===== Record set
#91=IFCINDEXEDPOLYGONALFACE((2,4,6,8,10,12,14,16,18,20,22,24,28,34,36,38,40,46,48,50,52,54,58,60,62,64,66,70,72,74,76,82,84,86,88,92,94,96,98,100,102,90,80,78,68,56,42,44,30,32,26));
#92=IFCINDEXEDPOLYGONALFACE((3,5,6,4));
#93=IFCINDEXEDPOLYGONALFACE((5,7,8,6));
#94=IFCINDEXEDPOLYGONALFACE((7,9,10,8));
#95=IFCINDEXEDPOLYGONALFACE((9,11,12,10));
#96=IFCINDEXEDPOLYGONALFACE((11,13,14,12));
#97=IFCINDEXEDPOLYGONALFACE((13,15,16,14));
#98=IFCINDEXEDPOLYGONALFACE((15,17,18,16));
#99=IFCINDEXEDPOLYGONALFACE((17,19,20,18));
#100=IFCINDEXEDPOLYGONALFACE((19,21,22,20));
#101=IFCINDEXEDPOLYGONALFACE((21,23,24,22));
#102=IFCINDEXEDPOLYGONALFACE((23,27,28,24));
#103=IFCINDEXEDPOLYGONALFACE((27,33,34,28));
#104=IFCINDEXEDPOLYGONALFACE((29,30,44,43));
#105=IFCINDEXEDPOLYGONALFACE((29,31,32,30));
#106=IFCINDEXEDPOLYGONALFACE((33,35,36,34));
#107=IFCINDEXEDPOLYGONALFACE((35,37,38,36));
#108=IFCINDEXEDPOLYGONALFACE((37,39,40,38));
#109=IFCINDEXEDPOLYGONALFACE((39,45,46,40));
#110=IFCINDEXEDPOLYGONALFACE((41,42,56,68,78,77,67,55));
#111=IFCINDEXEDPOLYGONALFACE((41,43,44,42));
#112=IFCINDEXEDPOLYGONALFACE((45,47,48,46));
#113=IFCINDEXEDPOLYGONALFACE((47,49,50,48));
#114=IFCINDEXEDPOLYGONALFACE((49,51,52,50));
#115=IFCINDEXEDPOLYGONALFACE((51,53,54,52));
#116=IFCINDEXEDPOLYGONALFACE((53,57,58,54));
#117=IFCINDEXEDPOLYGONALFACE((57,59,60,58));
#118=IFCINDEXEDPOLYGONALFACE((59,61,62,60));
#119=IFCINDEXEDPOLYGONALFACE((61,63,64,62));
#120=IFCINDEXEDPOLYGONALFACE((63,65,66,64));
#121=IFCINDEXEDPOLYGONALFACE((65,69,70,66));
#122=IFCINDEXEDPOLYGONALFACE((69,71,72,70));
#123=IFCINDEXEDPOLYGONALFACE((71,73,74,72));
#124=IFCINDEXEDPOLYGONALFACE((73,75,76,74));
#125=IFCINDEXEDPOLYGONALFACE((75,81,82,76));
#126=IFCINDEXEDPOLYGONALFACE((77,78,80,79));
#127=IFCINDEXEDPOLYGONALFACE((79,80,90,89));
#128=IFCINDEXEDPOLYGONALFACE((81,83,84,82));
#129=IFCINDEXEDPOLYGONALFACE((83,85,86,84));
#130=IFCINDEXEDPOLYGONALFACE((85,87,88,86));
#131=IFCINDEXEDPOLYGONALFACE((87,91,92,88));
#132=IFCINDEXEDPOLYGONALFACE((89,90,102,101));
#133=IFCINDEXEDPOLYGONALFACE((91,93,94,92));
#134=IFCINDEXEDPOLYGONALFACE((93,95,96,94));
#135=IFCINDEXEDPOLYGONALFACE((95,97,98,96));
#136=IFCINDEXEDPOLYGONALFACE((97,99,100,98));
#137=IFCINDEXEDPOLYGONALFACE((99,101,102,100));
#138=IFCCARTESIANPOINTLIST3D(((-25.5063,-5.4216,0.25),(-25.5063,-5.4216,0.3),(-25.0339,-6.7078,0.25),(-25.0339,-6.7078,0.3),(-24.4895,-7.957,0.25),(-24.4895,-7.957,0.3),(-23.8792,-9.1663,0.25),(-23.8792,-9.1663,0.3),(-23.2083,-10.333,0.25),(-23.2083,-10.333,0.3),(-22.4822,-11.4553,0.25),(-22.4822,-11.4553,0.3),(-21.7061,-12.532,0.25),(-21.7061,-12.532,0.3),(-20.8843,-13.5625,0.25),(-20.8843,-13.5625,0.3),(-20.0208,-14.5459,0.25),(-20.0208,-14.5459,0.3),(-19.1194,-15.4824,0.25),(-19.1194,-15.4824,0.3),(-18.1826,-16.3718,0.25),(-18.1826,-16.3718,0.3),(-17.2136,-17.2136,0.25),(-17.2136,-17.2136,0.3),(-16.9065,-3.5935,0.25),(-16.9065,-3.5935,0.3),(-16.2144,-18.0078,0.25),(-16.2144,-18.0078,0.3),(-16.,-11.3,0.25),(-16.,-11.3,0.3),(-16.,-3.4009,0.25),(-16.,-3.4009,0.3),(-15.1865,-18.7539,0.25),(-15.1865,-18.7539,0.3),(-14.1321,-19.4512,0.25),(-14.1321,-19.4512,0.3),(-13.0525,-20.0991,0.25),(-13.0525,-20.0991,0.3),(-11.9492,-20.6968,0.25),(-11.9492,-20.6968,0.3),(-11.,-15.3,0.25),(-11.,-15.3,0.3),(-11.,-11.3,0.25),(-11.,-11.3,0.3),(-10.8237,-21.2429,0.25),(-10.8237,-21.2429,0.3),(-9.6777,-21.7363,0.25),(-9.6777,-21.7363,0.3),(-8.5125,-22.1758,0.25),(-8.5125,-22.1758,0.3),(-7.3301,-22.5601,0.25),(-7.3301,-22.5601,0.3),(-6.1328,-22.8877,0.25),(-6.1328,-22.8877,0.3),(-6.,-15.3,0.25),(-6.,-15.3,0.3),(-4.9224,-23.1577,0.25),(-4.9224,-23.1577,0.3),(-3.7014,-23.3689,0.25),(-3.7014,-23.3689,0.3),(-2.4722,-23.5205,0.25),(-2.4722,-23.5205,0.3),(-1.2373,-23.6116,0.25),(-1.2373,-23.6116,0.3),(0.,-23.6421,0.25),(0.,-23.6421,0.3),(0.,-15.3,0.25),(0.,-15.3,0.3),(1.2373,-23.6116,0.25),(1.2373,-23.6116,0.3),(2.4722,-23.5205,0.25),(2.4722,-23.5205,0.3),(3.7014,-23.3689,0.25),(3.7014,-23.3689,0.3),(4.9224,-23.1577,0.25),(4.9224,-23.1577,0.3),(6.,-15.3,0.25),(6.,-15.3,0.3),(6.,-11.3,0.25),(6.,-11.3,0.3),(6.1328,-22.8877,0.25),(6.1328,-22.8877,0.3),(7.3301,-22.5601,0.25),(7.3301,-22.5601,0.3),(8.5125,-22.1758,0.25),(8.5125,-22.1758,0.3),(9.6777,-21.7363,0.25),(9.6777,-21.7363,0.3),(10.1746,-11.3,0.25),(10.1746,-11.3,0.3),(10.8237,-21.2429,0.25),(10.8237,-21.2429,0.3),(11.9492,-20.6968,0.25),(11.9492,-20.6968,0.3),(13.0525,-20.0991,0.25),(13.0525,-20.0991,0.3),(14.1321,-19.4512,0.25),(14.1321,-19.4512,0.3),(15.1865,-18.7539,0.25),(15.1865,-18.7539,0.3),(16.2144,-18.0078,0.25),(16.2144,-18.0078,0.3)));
==========
===== Record set
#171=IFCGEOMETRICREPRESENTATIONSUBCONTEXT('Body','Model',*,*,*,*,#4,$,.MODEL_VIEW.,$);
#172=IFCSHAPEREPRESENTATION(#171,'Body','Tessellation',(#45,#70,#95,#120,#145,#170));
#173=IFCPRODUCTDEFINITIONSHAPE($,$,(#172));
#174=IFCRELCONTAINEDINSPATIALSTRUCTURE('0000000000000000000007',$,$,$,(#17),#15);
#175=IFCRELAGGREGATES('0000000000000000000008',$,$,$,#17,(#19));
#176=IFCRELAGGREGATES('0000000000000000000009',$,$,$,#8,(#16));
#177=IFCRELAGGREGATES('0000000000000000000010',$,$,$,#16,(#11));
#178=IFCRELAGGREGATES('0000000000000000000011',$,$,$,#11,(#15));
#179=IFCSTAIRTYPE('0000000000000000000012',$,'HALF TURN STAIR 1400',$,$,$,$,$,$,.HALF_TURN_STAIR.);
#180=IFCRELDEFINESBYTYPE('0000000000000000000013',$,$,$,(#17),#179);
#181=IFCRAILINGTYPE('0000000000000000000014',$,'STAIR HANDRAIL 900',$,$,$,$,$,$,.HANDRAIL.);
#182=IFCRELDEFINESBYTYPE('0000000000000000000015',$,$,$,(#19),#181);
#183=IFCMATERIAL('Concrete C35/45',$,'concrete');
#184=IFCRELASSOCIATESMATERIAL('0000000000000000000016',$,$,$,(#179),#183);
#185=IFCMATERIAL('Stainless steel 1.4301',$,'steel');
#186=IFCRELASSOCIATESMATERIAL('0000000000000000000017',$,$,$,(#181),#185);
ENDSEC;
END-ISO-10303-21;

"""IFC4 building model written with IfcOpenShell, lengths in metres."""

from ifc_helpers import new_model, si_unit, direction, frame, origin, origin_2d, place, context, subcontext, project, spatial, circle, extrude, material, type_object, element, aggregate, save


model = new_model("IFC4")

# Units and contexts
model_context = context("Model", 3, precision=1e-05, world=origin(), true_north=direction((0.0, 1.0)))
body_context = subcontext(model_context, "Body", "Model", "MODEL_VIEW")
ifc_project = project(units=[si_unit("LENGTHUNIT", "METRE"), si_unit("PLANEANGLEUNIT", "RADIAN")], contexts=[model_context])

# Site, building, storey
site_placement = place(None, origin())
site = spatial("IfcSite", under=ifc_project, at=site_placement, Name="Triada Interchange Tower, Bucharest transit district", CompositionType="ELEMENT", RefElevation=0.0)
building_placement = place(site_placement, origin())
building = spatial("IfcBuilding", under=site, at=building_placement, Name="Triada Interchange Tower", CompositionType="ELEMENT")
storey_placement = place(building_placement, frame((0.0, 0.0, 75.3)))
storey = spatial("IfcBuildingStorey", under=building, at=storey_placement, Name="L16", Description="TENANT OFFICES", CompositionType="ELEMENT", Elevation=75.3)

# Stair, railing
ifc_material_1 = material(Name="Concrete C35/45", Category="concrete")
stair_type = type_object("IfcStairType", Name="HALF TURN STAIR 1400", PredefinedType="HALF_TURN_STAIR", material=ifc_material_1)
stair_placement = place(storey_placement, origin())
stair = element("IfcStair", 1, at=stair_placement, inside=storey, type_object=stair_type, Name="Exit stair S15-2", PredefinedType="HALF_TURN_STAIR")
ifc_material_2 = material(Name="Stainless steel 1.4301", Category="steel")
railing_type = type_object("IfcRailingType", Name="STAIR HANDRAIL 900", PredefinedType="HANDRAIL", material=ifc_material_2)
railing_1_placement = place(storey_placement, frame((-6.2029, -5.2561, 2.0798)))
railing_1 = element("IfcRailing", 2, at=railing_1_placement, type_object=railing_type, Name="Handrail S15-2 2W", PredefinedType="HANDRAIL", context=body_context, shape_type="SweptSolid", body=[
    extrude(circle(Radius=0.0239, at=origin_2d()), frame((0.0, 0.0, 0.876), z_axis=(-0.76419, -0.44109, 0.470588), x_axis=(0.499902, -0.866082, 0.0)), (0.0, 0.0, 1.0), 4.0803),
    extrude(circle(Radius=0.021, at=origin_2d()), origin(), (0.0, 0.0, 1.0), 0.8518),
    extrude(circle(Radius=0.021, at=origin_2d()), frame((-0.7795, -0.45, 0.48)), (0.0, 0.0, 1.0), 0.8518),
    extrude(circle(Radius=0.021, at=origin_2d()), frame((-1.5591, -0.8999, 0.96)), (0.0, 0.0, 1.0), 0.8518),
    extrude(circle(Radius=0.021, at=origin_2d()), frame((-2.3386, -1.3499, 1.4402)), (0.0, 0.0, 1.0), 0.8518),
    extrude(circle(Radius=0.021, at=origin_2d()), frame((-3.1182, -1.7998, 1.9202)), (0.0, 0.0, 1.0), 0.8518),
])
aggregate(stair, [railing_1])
==========
--- Work instructions ---
Only the lines above from the line with "#179=IFCSTAIRTYPE('0000000000000000000012',$,'HALF TURN STAIR" to the line with "frame((0.0, 0.0, 75.3)))", those two lines included, should be reproduced exactly.

--- Task output ---
#179=IFCSTAIRTYPE('0000000000000000000012',$,'HALF TURN STAIR 1400',$,$,$,$,$,$,.HALF_TURN_STAIR.);
#180=IFCRELDEFINESBYTYPE('0000000000000000000013',$,$,$,(#17),#179);
#181=IFCRAILINGTYPE('0000000000000000000014',$,'STAIR HANDRAIL 900',$,$,$,$,$,$,.HANDRAIL.);
#182=IFCRELDEFINESBYTYPE('0000000000000000000015',$,$,$,(#19),#181);
#183=IFCMATERIAL('Concrete C35/45',$,'concrete');
#184=IFCRELASSOCIATESMATERIAL('0000000000000000000016',$,$,$,(#179),#183);
#185=IFCMATERIAL('Stainless steel 1.4301',$,'steel');
#186=IFCRELASSOCIATESMATERIAL('0000000000000000000017',$,$,$,(#181),#185);
ENDSEC;
END-ISO-10303-21;

"""IFC4 building model written with IfcOpenShell, lengths in metres."""

from ifc_helpers import new_model, si_unit, direction, frame, origin, origin_2d, place, context, subcontext, project, spatial, circle, extrude, material, type_object, element, aggregate, save


model = new_model("IFC4")

# Units and contexts
model_context = context("Model", 3, precision=1e-05, world=origin(), true_north=direction((0.0, 1.0)))
body_context = subcontext(model_context, "Body", "Model", "MODEL_VIEW")
ifc_project = project(units=[si_unit("LENGTHUNIT", "METRE"), si_unit("PLANEANGLEUNIT", "RADIAN")], contexts=[model_context])

# Site, building, storey
site_placement = place(None, origin())
site = spatial("IfcSite", under=ifc_project, at=site_placement, Name="Triada Interchange Tower, Bucharest transit district", CompositionType="ELEMENT", RefElevation=0.0)
building_placement = place(site_placement, origin())
building = spatial("IfcBuilding", under=site, at=building_placement, Name="Triada Interchange Tower", CompositionType="ELEMENT")
storey_placement = place(building_placement, frame((0.0, 0.0, 75.3)))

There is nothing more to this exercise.